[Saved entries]
────────

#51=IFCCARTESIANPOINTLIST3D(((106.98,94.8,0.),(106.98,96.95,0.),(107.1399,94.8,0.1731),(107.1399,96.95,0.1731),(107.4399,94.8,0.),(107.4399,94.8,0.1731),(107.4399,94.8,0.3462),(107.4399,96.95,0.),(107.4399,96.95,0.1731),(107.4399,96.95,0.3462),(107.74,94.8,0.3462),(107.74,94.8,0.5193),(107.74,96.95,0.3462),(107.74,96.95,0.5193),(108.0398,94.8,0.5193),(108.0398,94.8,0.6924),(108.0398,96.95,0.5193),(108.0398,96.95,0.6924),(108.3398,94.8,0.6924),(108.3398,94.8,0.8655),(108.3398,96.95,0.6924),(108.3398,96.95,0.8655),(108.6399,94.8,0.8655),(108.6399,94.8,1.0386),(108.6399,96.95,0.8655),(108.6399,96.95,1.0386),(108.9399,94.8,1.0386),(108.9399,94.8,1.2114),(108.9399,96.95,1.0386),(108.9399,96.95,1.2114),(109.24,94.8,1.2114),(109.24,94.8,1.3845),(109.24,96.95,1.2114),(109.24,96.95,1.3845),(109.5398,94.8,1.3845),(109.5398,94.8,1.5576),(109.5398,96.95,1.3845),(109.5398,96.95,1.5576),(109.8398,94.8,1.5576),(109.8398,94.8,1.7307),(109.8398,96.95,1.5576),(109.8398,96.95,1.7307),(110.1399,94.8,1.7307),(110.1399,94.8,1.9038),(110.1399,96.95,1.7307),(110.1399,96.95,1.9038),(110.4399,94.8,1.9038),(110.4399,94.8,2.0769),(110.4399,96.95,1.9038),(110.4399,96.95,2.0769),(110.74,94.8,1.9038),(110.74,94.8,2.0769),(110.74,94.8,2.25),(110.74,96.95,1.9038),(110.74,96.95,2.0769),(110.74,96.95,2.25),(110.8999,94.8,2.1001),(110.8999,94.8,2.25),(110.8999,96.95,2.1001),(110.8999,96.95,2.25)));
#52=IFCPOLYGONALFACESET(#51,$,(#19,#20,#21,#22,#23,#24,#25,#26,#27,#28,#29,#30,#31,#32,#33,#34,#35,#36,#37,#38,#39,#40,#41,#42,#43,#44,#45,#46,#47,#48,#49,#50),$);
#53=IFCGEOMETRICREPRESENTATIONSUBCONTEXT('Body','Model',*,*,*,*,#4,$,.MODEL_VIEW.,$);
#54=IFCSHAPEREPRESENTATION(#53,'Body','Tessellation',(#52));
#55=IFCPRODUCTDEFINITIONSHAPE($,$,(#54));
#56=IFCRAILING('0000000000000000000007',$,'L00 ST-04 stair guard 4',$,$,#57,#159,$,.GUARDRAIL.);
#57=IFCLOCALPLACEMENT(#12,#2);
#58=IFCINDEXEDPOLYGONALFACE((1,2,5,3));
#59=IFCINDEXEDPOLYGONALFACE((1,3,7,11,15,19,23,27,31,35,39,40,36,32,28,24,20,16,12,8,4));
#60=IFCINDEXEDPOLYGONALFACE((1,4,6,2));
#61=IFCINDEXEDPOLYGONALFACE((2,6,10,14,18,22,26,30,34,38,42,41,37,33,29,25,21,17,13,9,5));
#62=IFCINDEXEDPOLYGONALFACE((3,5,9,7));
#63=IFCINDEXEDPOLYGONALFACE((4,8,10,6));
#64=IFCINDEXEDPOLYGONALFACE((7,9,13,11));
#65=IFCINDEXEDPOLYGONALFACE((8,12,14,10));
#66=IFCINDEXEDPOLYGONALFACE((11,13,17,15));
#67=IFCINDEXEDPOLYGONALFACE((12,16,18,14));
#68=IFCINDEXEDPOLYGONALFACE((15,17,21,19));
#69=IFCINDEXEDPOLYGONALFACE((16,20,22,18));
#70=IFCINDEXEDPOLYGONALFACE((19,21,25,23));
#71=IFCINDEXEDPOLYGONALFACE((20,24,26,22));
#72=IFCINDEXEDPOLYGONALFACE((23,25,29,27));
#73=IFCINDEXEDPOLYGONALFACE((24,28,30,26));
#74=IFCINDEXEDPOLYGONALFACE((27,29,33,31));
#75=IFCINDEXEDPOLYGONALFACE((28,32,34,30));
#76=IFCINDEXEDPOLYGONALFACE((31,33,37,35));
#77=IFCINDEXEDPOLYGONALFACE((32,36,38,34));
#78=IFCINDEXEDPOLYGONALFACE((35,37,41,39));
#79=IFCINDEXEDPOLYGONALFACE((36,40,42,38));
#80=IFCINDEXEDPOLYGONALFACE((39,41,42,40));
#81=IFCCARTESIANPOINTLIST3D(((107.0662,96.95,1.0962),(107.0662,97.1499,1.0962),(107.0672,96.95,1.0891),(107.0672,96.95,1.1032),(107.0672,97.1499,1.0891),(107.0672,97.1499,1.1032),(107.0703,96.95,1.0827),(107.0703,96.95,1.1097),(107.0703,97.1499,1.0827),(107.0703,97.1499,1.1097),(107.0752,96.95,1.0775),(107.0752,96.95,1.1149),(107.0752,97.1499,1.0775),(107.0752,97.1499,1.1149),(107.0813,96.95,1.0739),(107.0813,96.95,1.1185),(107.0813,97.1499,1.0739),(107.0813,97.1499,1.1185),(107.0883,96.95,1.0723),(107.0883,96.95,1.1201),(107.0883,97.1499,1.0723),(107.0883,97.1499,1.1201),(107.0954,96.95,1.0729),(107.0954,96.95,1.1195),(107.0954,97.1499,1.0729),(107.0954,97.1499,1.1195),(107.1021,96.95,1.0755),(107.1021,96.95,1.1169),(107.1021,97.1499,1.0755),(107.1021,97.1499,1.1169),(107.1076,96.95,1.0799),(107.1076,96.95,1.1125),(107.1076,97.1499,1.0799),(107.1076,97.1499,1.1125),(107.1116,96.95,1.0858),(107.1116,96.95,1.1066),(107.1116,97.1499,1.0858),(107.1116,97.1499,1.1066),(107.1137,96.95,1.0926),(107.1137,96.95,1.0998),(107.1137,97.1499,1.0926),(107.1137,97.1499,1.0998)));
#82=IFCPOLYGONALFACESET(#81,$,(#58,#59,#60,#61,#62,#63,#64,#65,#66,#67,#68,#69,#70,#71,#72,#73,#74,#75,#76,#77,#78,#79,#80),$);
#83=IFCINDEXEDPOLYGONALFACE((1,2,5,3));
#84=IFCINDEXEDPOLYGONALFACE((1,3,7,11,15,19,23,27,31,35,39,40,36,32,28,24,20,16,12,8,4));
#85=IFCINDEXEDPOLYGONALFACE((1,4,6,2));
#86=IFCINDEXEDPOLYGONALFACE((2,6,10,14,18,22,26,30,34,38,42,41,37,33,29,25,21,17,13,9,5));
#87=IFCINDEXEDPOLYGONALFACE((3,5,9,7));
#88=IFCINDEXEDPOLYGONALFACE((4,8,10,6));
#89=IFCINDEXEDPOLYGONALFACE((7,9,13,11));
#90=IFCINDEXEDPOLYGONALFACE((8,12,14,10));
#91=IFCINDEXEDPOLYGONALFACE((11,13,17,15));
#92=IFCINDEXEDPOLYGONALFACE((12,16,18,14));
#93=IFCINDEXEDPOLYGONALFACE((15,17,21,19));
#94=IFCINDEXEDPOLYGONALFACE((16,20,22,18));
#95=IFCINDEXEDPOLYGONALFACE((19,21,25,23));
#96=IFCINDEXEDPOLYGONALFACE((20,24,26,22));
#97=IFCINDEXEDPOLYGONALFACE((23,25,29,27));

────────

List all lines from the entries that include the word "IFCPOLYGONALFACESET".

## SOLUTION FOR THIS EXERCISE
#52=IFCPOLYGONALFACESET(#51,$,(#19,#20,#21,#22,#23,#24,#25,#26,#27,#28,#29,#30,#31,#32,#33,#34,#35,#36,#37,#38,#39,#40,#41,#42,#43,#44,#45,#46,#47,#48,#49,#50),$);
#82=IFCPOLYGONALFACESET(#81,$,(#58,#59,#60,#61,#62,#63,#64,#65,#66,#67,#68,#69,#70,#71,#72,#73,#74,#75,#76,#77,#78,#79,#80),$);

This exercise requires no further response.